Find the string "from" in the listing and report every line that has it.

*** Record excerpts Section Begins ***

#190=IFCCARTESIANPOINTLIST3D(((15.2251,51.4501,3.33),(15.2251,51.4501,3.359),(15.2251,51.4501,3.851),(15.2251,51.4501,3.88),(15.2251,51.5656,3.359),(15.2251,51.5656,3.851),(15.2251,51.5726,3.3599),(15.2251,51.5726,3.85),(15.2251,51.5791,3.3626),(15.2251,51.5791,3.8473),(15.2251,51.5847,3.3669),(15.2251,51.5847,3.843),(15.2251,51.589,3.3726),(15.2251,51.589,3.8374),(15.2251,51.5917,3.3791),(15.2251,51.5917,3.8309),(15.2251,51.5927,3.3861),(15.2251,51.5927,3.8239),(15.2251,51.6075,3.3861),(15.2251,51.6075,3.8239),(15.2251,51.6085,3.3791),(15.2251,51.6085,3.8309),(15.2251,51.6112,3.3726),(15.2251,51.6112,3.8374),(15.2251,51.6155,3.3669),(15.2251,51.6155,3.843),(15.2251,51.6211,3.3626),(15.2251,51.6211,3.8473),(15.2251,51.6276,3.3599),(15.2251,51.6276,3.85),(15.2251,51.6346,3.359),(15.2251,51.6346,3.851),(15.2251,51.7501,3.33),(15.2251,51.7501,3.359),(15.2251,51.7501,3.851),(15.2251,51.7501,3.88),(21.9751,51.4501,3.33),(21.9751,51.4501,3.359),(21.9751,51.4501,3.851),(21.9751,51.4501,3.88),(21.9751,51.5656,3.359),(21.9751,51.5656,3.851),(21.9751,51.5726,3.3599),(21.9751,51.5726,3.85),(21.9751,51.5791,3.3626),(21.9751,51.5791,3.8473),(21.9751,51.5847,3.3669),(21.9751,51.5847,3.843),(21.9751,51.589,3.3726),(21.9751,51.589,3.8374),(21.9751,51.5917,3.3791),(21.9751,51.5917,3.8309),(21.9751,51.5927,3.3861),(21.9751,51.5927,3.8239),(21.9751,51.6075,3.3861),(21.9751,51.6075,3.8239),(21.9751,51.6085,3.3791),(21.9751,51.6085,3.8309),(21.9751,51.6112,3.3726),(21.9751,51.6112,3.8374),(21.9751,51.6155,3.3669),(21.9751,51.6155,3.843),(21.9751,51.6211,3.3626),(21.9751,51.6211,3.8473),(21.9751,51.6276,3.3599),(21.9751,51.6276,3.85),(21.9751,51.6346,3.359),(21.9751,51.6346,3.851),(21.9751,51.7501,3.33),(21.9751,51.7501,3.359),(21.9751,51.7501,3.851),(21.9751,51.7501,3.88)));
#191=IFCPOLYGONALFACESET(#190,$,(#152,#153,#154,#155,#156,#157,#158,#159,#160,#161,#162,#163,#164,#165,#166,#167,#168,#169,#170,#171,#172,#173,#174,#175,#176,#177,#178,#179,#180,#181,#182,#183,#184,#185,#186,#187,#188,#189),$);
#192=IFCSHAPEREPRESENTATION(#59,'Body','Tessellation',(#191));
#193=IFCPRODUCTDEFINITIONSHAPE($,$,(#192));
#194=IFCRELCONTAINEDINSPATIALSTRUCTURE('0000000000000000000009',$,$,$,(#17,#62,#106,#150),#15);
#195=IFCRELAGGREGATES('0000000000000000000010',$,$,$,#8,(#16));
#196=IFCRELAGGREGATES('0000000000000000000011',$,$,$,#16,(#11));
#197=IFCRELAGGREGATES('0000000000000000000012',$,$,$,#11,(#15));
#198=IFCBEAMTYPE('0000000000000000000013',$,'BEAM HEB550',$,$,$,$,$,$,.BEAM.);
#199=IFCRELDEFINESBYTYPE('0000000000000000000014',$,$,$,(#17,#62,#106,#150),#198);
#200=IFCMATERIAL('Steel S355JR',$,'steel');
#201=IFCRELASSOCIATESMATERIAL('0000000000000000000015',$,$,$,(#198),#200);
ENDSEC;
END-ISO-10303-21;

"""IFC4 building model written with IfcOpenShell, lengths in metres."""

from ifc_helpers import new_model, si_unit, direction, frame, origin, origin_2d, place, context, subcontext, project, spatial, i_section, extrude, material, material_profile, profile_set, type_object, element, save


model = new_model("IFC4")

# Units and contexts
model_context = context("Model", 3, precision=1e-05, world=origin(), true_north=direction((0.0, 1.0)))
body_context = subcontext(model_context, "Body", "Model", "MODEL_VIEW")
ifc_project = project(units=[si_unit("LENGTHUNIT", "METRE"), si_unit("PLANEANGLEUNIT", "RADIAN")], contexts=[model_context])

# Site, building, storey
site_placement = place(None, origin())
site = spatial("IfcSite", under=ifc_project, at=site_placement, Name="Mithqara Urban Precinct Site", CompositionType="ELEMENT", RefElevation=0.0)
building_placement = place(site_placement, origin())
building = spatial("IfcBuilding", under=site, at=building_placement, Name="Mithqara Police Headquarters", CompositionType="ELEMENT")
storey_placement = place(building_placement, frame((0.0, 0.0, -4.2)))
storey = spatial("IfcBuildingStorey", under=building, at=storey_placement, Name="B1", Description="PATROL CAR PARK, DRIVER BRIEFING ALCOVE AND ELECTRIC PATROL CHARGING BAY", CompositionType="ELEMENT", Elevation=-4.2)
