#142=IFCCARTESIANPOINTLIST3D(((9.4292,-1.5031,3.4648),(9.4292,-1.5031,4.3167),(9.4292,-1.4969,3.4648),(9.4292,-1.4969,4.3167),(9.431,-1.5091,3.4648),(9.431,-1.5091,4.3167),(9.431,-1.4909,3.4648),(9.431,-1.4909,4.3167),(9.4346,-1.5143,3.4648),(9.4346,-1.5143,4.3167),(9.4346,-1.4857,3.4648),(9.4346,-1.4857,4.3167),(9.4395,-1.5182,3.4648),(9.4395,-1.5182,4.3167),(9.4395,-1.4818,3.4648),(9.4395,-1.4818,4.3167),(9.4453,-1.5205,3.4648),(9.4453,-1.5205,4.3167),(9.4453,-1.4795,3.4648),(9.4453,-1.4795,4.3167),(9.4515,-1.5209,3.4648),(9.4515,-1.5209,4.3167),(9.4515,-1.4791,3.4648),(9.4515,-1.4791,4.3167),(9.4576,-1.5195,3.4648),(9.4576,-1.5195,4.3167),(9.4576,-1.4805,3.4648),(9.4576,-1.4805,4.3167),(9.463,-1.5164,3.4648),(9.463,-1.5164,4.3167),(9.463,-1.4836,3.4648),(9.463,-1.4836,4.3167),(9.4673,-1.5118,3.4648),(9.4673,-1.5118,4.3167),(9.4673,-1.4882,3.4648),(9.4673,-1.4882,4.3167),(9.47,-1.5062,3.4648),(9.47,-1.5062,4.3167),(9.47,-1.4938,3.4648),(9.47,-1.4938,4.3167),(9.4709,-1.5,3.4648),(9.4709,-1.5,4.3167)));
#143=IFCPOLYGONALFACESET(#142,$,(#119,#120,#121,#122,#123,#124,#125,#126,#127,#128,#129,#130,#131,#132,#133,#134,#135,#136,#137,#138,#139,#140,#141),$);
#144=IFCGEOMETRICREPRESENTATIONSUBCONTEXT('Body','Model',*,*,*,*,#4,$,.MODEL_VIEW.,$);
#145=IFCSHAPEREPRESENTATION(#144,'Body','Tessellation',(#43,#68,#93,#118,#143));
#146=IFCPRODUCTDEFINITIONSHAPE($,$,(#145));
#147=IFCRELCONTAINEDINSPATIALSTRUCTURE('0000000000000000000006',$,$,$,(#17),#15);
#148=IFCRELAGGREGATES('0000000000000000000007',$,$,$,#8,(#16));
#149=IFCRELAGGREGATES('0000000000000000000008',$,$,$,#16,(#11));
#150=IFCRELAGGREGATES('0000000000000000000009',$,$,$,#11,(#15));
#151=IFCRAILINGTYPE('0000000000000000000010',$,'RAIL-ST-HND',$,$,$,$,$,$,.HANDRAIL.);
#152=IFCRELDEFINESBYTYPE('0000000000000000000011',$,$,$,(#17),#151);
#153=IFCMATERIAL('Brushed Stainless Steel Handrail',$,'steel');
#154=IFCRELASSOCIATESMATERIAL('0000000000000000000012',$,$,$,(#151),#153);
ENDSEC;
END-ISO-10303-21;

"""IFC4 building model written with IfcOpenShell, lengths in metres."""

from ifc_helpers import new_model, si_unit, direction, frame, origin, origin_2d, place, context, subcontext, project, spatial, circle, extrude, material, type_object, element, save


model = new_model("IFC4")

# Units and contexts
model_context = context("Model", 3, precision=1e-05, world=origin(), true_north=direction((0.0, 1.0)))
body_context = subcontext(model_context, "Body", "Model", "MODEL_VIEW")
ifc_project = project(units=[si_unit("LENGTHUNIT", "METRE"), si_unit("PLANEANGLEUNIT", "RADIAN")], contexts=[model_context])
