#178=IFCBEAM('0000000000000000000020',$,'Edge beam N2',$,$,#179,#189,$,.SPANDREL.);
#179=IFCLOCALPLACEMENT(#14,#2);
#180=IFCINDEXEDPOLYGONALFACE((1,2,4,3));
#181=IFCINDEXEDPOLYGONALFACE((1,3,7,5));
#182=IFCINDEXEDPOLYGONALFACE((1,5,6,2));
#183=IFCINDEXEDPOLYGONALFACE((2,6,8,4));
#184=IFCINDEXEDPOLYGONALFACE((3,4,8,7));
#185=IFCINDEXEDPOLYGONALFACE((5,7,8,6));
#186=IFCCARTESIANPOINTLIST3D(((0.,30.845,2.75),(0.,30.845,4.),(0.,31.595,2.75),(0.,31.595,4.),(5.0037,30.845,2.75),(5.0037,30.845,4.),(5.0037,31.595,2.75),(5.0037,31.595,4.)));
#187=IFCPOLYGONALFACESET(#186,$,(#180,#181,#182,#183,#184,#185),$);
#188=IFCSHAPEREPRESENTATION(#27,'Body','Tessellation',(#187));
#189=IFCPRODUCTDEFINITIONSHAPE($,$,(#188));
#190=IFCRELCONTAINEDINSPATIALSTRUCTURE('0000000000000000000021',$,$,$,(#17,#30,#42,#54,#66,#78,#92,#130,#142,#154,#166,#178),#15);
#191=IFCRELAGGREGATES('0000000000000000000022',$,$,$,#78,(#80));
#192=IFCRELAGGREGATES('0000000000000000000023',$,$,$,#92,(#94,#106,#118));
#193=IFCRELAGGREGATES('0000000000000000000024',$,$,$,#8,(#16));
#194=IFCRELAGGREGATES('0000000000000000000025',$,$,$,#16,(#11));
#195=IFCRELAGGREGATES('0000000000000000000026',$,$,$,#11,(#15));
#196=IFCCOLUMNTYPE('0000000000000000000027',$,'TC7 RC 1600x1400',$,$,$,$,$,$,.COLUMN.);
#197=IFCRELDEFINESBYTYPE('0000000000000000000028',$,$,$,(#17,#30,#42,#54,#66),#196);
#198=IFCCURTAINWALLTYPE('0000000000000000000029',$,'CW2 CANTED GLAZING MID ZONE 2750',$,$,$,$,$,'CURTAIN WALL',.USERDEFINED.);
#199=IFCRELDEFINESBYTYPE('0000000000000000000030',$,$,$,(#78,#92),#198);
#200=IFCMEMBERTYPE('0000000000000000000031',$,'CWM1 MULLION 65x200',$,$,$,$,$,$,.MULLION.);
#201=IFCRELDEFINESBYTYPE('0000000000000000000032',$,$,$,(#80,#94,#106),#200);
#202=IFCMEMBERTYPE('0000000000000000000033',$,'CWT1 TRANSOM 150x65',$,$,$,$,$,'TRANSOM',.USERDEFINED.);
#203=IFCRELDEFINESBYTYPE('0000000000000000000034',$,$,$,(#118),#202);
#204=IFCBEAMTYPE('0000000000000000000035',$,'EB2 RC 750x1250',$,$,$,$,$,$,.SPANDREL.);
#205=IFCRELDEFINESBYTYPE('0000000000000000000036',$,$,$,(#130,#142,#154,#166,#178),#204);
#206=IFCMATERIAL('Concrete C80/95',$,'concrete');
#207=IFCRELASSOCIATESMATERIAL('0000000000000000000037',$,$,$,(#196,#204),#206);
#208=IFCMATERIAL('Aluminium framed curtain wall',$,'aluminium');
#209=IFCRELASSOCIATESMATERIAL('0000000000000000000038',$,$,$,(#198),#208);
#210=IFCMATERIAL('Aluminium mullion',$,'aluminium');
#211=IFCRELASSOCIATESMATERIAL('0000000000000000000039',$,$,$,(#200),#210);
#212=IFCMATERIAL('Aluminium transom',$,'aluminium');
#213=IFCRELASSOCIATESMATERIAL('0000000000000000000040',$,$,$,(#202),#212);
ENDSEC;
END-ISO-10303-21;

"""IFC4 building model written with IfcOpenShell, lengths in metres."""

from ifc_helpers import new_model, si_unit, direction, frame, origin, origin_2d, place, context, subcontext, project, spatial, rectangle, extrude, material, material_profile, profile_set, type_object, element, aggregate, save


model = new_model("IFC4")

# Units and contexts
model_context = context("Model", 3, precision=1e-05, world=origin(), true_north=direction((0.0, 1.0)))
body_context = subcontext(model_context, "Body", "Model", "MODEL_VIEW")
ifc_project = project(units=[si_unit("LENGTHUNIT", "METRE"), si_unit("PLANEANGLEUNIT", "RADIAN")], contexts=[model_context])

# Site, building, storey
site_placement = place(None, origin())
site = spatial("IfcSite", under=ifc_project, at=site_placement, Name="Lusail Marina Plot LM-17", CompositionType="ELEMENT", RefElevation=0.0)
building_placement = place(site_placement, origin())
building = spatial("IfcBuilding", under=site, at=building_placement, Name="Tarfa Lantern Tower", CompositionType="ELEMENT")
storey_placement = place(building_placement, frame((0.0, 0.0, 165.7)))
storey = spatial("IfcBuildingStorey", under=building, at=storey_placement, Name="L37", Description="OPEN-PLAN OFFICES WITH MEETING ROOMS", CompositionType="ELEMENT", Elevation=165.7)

*** Record excerpts Section Ends ***

▸ **Solution for this task**
from ifc_helpers import new_model, si_unit, direction, frame, origin, origin_2d, place, context, subcontext, project, spatial, i_section, extrude, material, material_profile, profile_set, type_object, element, save
from ifc_helpers import new_model, si_unit, direction, frame, origin, origin_2d, place, context, subcontext, project, spatial, circle, extrude, material, type_object, element, save
from ifc_helpers import new_model, si_unit, direction, frame, origin, origin_2d, place, context, subcontext, project, spatial, rectangle, extrude, material, material_profile, profile_set, type_object, element, aggregate, save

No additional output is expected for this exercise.